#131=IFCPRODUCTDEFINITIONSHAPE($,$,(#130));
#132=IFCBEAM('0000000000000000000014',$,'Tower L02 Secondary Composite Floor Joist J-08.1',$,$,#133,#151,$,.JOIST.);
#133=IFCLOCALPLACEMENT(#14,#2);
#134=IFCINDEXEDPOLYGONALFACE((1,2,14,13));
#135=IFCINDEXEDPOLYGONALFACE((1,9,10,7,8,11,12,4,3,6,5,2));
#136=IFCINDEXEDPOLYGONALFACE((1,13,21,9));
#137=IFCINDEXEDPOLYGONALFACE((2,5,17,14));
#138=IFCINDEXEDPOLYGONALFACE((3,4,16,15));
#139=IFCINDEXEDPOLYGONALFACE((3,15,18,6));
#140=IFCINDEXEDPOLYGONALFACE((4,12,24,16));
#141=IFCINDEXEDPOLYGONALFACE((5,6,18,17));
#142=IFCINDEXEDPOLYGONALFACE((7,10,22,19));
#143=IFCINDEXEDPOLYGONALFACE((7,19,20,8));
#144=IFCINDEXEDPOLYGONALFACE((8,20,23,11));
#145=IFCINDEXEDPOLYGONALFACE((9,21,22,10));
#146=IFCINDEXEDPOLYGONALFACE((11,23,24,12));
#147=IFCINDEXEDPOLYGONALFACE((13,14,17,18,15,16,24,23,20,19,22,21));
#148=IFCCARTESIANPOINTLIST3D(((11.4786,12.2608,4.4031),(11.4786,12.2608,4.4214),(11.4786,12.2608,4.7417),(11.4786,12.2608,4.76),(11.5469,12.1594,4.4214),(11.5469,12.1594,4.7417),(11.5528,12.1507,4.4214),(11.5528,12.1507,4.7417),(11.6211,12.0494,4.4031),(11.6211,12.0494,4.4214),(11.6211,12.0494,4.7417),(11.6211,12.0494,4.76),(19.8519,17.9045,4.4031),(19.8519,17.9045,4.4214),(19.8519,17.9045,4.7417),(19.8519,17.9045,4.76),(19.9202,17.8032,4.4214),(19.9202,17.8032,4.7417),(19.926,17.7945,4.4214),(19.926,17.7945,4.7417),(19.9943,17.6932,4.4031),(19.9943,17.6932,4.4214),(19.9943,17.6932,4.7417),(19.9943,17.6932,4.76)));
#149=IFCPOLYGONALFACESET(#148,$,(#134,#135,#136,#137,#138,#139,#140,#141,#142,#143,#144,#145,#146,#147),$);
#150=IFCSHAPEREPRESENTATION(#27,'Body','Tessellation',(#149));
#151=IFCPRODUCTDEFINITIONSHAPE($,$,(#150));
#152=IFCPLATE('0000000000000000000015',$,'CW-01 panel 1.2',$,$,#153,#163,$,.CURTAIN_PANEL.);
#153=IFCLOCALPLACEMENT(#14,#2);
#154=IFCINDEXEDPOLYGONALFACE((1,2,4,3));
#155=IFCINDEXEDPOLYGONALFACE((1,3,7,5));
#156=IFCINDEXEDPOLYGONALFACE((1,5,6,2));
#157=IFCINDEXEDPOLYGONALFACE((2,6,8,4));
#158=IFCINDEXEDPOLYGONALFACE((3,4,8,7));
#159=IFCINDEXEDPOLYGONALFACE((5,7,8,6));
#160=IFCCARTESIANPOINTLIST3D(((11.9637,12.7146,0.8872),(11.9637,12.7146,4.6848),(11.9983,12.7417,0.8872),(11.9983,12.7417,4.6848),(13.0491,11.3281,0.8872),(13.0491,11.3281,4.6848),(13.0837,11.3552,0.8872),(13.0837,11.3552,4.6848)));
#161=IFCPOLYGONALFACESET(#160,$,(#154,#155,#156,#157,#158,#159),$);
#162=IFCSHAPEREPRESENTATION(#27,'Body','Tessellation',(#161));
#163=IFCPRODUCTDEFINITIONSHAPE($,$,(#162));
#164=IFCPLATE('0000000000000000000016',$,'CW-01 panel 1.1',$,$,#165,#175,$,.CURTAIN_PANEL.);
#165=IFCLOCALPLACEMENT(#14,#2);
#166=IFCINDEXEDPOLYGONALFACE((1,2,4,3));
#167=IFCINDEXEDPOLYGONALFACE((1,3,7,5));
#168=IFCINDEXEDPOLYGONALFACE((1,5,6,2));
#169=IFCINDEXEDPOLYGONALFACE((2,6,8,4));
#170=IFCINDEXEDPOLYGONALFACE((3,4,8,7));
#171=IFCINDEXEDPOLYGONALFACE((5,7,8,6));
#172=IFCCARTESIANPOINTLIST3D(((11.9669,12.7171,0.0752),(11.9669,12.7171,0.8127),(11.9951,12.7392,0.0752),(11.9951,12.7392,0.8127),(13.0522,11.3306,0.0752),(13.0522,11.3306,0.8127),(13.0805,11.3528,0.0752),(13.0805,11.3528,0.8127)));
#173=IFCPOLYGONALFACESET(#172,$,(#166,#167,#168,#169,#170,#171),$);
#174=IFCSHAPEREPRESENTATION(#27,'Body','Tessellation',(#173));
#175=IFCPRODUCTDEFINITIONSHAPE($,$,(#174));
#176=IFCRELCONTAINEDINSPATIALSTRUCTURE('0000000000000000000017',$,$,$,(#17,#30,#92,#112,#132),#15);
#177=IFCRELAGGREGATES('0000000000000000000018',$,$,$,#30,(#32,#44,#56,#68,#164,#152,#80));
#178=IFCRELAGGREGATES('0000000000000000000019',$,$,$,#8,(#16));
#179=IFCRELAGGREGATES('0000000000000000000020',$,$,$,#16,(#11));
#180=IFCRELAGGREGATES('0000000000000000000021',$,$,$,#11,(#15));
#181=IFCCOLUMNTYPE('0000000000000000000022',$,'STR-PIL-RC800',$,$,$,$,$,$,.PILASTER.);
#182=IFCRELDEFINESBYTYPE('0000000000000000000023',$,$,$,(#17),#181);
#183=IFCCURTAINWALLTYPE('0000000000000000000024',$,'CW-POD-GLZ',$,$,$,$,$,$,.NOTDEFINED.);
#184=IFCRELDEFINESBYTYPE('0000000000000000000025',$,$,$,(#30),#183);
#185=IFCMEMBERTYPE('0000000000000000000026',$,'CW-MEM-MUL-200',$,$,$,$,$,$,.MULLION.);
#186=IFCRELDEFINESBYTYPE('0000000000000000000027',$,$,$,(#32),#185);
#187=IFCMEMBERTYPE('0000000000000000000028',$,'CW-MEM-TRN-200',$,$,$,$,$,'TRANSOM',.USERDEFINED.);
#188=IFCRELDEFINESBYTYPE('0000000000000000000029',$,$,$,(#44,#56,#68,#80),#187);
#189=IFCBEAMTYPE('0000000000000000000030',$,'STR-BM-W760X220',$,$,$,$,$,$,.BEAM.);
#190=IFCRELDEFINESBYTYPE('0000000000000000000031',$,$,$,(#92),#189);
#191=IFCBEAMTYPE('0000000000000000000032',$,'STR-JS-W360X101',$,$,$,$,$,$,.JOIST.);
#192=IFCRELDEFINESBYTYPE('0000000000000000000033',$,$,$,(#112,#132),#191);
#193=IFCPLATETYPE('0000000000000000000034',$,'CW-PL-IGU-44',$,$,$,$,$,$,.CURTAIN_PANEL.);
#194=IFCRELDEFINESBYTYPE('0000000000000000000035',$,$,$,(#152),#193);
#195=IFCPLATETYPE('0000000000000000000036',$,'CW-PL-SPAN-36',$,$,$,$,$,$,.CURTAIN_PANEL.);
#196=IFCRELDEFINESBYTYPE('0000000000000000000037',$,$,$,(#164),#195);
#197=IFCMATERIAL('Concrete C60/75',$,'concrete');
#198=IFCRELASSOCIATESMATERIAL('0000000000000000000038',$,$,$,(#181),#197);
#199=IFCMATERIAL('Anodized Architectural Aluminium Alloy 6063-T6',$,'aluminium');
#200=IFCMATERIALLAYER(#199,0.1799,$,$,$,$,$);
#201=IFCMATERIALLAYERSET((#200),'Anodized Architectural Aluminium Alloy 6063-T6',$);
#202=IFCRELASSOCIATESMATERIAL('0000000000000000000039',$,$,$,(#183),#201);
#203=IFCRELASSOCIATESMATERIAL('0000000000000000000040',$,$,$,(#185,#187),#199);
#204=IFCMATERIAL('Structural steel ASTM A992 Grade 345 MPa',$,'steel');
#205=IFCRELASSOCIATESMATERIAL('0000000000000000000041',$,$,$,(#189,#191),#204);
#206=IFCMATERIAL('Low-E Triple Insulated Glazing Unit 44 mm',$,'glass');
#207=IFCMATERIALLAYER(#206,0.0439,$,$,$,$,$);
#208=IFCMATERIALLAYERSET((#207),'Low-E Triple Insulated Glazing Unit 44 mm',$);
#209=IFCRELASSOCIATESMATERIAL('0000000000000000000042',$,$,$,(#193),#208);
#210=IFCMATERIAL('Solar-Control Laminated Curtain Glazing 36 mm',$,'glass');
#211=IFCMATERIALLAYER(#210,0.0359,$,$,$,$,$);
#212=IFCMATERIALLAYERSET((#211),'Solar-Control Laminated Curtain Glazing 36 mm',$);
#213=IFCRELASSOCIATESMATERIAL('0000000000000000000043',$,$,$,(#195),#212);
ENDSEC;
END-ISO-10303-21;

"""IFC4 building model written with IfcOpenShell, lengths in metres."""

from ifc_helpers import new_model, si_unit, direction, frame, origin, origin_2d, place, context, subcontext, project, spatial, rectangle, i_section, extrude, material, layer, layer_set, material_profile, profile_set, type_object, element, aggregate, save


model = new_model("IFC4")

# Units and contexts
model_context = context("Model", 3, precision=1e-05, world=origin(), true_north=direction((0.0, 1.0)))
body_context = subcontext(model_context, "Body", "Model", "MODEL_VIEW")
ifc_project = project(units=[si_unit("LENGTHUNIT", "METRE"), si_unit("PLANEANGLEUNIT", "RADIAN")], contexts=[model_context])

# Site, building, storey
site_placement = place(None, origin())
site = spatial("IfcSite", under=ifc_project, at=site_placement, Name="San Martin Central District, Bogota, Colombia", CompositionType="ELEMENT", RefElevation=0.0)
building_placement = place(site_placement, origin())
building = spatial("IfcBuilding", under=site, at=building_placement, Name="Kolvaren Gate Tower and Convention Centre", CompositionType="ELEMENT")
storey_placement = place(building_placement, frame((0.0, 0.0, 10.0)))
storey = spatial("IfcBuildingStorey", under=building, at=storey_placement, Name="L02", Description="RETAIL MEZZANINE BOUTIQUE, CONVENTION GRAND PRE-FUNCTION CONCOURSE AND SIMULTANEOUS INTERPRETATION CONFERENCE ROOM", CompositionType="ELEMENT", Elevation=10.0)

++++

Task brief -> When a line in the listing above holds the word "contexts", copy it.

Answer box ->
# Units and contexts
ifc_project = project(units=[si_unit("LENGTHUNIT", "METRE"), si_unit("PLANEANGLEUNIT", "RADIAN")], contexts=[model_context])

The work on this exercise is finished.